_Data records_
-=-=-=-=-

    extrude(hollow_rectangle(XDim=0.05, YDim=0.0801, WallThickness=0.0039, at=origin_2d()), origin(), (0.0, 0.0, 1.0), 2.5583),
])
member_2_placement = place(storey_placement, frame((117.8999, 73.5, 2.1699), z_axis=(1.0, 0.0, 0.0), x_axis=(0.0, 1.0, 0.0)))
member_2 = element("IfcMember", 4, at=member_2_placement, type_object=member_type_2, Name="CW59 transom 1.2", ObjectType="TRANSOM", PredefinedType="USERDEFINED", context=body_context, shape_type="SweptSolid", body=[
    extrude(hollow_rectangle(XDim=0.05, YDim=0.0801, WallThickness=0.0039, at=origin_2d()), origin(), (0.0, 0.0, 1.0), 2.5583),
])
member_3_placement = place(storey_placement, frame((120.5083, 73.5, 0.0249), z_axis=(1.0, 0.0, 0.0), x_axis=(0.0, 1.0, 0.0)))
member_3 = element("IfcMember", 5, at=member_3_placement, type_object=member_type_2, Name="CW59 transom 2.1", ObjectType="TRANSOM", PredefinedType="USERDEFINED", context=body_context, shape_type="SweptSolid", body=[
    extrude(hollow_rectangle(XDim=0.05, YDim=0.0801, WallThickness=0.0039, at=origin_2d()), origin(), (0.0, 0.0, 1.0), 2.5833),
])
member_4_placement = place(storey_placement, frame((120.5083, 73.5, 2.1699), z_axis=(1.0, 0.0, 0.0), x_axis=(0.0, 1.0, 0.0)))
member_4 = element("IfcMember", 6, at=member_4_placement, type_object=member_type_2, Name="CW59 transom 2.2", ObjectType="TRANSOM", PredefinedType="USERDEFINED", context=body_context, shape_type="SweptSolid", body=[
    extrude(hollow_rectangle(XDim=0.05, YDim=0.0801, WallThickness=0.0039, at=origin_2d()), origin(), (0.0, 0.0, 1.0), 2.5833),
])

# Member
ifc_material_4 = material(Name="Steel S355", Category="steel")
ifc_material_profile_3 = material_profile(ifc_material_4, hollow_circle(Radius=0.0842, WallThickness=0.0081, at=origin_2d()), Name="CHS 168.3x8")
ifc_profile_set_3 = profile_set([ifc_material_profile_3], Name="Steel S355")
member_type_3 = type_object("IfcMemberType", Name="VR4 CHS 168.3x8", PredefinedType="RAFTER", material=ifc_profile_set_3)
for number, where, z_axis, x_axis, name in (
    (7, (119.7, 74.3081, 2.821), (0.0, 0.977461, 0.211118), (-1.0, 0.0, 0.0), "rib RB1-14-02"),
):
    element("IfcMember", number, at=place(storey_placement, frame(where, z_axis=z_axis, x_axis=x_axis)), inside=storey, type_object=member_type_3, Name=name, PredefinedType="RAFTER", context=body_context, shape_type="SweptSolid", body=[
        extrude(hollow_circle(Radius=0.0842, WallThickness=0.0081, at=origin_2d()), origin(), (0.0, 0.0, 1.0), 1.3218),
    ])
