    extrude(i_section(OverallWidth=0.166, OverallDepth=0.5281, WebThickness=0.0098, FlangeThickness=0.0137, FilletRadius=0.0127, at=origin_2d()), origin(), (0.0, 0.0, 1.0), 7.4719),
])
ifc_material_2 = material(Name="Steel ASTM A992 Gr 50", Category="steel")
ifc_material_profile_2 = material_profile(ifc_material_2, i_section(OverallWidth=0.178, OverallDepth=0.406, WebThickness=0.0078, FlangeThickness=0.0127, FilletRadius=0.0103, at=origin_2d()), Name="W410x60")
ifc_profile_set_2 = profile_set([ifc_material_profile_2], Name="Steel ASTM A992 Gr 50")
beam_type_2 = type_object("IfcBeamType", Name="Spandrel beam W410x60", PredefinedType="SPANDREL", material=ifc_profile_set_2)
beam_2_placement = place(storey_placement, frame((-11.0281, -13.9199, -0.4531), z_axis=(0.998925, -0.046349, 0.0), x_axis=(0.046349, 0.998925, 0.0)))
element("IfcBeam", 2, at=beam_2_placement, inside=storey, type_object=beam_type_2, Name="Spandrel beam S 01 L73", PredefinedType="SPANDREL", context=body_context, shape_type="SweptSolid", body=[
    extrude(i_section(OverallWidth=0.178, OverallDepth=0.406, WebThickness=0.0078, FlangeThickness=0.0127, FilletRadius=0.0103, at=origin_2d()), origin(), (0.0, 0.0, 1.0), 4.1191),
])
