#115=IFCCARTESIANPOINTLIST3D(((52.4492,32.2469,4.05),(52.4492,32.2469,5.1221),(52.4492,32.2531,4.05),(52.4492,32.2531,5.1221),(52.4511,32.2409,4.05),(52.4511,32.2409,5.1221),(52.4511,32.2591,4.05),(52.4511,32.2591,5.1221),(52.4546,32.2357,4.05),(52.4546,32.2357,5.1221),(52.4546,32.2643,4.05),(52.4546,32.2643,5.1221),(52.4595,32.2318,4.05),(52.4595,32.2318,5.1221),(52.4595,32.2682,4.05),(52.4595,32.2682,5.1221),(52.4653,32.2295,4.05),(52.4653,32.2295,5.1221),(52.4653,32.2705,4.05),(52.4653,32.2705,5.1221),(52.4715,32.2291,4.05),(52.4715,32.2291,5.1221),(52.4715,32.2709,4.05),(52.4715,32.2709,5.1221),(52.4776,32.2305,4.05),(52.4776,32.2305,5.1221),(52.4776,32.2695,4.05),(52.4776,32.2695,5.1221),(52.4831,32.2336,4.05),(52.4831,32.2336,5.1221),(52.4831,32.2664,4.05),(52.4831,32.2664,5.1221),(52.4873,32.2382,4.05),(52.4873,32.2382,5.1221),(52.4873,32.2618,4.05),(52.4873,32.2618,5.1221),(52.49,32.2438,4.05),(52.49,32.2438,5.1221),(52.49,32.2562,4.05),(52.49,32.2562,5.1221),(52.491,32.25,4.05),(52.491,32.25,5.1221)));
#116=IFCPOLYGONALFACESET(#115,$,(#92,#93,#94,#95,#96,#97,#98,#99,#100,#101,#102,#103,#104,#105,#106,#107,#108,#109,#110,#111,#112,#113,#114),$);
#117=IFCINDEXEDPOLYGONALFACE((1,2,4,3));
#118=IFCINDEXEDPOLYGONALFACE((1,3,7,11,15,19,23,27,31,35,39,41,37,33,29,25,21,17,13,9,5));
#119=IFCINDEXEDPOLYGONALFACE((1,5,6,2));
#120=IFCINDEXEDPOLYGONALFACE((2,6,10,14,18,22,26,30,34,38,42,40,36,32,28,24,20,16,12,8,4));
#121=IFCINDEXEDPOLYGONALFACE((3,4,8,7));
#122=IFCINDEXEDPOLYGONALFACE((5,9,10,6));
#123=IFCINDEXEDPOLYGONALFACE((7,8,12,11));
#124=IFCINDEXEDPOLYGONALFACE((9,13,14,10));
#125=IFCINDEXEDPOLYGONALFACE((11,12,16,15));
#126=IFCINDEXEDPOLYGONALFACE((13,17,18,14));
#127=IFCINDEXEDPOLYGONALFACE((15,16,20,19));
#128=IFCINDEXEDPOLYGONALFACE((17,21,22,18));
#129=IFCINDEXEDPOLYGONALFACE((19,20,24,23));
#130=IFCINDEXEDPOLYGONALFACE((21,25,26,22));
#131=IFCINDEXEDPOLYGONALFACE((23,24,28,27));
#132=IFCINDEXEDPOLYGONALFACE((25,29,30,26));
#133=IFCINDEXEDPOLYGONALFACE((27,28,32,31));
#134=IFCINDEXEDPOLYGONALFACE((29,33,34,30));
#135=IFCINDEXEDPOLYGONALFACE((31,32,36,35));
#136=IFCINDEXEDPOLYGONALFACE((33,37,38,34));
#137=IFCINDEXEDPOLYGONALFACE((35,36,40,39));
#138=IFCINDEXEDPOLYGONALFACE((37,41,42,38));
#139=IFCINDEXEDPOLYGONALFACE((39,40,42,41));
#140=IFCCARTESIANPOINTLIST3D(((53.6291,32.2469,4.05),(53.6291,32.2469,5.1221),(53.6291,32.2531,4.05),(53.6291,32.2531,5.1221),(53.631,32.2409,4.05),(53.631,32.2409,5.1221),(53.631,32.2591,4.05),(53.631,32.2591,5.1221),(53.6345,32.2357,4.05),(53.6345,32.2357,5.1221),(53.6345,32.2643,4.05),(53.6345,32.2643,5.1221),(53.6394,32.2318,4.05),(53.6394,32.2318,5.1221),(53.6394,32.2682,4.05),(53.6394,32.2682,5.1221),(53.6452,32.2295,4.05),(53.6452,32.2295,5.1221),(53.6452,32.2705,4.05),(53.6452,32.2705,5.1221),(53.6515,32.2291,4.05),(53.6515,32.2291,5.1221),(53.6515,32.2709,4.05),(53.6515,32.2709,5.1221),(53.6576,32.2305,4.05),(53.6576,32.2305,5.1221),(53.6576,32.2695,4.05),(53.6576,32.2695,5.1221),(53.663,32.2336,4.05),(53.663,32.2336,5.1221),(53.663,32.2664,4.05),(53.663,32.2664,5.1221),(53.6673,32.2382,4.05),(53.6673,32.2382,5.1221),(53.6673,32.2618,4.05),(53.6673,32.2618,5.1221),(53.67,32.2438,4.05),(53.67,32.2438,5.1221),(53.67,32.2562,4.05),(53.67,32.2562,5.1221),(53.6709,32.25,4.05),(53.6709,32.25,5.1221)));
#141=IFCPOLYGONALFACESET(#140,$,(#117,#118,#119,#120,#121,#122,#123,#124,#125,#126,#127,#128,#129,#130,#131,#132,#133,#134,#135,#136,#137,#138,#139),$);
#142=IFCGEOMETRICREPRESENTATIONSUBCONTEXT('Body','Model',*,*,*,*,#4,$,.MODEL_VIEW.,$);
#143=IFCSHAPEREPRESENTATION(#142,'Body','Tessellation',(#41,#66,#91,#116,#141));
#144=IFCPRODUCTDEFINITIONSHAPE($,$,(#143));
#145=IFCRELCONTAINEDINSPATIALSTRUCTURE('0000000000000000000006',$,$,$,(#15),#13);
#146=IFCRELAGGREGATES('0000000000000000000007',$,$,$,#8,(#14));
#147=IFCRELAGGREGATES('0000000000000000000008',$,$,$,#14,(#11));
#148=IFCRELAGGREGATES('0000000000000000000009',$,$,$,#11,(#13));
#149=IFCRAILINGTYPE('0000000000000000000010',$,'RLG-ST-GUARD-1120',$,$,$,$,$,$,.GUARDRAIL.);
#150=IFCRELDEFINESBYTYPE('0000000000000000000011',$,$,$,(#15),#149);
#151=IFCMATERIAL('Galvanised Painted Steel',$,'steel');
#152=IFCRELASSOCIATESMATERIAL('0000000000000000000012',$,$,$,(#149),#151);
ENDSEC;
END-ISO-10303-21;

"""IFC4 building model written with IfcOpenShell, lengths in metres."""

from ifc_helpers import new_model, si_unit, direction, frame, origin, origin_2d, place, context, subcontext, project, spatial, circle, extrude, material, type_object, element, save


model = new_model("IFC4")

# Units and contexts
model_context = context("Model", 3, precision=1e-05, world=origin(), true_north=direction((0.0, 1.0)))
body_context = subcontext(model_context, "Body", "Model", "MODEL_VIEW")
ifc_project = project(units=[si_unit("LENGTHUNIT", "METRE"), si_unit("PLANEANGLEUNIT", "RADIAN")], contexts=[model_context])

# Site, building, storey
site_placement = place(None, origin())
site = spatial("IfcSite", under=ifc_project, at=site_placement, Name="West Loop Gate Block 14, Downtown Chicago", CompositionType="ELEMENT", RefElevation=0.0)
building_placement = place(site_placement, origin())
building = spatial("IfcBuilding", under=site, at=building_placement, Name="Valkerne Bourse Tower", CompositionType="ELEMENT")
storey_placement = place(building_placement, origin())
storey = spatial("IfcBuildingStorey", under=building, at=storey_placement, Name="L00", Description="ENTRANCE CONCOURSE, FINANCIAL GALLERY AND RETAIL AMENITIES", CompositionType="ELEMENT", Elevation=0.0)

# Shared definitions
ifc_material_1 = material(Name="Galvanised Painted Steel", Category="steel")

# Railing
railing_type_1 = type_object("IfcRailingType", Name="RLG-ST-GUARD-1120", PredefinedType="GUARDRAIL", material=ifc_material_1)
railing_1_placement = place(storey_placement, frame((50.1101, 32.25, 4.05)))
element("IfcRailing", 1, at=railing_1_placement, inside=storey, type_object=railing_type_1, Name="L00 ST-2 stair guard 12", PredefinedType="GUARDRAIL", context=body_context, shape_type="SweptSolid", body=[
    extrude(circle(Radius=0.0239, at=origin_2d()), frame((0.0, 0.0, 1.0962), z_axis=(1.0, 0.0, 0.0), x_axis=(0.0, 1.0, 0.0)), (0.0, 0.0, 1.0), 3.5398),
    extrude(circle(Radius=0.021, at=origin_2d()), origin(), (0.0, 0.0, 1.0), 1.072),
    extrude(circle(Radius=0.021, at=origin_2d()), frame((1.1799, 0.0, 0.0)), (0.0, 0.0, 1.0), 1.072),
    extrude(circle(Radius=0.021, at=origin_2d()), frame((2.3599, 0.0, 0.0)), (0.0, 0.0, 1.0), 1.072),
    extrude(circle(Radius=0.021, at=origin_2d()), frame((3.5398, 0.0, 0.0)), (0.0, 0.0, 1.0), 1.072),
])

-=-=-=-=-

_Work task_
Look for the string "Category" in the records, and copy every line where it is found.

_Exercise response_
ifc_material_4 = material(Name="Steel S355", Category="steel")
ifc_material_2 = material(Name="Steel ASTM A992 Gr 50", Category="steel")
ifc_material_1 = material(Name="Galvanised Painted Steel", Category="steel")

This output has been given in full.